## [THE PROBLEM]
Beginning with the line where "#199=IFCMATERIALLAYERSET((#198),'Concrete C40/50',$);" appears, repeat every remaining line of the entries exactly, the last line included.

*** RECORDS PROVIDED ***

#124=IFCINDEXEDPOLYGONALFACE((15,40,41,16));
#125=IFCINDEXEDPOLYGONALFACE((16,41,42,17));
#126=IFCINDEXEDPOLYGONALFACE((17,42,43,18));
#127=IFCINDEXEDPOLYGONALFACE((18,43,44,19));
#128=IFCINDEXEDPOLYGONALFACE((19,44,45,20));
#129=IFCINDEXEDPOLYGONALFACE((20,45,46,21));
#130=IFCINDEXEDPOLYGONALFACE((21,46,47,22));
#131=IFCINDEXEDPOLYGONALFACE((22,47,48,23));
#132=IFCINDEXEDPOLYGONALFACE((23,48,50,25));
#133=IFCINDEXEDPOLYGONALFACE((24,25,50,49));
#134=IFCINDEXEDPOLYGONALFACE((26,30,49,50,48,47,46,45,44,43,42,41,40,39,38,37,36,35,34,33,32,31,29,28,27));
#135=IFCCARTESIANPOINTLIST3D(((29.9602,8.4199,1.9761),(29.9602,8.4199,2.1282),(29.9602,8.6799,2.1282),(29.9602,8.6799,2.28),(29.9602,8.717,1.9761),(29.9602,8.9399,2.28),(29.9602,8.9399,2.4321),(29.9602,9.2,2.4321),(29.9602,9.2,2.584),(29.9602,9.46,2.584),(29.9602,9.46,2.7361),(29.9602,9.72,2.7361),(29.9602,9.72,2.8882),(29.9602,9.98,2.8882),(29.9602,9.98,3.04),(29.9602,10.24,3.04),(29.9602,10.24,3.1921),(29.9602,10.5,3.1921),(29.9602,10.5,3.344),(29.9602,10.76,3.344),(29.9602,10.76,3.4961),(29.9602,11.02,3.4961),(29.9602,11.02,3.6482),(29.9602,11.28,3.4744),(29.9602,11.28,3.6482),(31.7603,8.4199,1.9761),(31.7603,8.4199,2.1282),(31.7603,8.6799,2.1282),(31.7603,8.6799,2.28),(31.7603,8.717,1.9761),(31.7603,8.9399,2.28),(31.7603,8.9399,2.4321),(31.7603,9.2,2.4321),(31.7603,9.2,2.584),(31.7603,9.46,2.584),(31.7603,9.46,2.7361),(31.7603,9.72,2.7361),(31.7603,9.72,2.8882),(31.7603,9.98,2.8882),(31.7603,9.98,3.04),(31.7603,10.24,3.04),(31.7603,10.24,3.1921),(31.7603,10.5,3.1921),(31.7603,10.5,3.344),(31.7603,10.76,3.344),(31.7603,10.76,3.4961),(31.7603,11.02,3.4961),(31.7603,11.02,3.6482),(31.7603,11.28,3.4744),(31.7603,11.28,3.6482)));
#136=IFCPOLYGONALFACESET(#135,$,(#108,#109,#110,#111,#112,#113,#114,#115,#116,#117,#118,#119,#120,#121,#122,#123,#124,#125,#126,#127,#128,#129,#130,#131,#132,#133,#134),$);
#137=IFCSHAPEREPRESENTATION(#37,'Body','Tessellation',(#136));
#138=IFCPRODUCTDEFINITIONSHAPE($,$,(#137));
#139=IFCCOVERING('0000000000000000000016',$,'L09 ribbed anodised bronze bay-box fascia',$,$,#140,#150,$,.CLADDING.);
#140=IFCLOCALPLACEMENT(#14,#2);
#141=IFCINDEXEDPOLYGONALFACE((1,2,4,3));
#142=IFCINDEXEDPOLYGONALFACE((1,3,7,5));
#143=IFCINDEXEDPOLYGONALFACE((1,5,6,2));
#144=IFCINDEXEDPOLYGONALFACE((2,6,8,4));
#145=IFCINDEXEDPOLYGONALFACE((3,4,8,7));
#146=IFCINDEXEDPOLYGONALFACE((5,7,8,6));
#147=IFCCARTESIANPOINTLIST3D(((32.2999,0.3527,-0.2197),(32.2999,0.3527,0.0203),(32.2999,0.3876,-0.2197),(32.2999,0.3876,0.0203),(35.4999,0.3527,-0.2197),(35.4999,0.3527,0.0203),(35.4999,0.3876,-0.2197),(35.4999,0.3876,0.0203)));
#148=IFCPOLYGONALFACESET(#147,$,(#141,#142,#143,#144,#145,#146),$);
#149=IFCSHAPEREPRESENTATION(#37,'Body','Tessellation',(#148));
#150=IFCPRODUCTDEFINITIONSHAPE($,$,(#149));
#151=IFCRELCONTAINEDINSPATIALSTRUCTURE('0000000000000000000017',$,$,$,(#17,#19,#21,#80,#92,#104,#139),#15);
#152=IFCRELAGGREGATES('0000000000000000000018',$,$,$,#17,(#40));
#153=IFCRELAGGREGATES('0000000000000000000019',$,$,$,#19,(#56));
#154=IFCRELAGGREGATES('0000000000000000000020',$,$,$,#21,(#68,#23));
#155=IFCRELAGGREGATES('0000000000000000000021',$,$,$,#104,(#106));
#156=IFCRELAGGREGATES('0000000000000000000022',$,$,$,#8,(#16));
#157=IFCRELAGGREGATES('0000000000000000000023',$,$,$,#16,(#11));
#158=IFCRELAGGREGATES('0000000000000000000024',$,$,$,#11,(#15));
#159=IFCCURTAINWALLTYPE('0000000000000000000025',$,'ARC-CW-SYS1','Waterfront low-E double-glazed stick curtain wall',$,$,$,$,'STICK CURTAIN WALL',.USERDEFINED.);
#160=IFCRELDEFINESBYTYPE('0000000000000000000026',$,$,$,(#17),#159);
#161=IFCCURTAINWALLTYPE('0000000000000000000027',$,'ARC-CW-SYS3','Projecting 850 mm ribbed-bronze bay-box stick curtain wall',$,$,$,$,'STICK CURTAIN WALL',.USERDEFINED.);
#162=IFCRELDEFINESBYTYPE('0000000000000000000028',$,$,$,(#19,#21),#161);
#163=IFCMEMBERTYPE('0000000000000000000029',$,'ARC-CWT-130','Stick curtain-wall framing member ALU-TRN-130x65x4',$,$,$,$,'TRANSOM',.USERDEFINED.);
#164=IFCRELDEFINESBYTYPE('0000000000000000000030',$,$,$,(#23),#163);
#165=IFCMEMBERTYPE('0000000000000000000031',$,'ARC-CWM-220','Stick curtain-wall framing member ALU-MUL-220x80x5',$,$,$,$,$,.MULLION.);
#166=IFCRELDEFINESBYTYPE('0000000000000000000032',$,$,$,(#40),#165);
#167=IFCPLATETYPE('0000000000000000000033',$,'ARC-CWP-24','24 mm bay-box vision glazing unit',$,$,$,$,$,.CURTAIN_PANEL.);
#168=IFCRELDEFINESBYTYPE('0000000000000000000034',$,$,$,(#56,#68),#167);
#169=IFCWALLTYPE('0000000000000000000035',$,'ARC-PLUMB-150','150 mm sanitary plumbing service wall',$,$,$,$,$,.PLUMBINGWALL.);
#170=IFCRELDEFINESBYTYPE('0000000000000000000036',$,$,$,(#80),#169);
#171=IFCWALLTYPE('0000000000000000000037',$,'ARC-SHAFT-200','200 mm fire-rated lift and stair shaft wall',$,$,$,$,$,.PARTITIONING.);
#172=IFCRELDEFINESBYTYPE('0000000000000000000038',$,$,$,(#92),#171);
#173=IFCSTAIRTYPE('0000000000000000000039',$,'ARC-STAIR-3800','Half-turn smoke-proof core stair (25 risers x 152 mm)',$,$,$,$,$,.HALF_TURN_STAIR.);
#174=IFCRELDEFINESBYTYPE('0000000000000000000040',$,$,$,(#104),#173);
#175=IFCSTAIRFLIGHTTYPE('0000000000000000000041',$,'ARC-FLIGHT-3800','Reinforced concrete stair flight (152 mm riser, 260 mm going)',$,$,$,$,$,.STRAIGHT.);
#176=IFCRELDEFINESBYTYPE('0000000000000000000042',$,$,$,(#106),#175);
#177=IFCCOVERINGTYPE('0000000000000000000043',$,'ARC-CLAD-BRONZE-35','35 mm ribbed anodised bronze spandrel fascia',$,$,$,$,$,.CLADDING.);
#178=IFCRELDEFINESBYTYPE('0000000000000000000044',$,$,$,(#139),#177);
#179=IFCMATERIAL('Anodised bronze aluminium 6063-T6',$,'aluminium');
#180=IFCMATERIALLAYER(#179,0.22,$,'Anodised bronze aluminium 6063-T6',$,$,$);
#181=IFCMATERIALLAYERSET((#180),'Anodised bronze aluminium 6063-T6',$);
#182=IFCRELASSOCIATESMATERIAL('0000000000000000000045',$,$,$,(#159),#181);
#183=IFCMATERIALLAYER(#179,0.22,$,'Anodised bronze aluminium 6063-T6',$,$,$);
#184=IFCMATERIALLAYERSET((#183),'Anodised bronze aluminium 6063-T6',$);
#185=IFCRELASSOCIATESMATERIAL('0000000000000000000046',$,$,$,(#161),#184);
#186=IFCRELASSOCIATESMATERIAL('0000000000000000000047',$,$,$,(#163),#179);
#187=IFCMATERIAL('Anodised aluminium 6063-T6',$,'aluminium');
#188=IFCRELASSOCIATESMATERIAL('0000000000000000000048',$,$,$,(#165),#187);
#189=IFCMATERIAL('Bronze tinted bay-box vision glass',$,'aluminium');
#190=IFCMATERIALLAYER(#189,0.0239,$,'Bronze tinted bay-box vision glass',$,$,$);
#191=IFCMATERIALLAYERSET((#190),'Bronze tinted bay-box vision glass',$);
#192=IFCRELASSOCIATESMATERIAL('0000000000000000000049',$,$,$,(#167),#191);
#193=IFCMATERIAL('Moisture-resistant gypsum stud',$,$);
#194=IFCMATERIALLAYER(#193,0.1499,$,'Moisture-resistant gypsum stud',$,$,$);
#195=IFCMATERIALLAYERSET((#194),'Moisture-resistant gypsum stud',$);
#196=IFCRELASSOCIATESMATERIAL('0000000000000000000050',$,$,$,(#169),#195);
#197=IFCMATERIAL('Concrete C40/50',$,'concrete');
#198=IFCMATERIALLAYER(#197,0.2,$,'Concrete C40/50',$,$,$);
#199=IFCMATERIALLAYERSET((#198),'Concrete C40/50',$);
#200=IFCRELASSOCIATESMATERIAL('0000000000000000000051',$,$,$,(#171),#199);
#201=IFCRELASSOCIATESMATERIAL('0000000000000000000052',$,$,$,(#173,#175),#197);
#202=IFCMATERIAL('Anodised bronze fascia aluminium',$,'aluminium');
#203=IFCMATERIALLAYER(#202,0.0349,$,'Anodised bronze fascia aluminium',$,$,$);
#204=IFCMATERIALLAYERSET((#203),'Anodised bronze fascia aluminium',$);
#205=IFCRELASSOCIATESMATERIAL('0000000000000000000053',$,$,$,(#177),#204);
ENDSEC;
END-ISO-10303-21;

***

## [EXERCISE RESPONSE]
#199=IFCMATERIALLAYERSET((#198),'Concrete C40/50',$);
#200=IFCRELASSOCIATESMATERIAL('0000000000000000000051',$,$,$,(#171),#199);
#201=IFCRELASSOCIATESMATERIAL('0000000000000000000052',$,$,$,(#173,#175),#197);
#202=IFCMATERIAL('Anodised bronze fascia aluminium',$,'aluminium');
#203=IFCMATERIALLAYER(#202,0.0349,$,'Anodised bronze fascia aluminium',$,$,$);
#204=IFCMATERIALLAYERSET((#203),'Anodised bronze fascia aluminium',$);
#205=IFCRELASSOCIATESMATERIAL('0000000000000000000053',$,$,$,(#177),#204);
ENDSEC;
END-ISO-10303-21;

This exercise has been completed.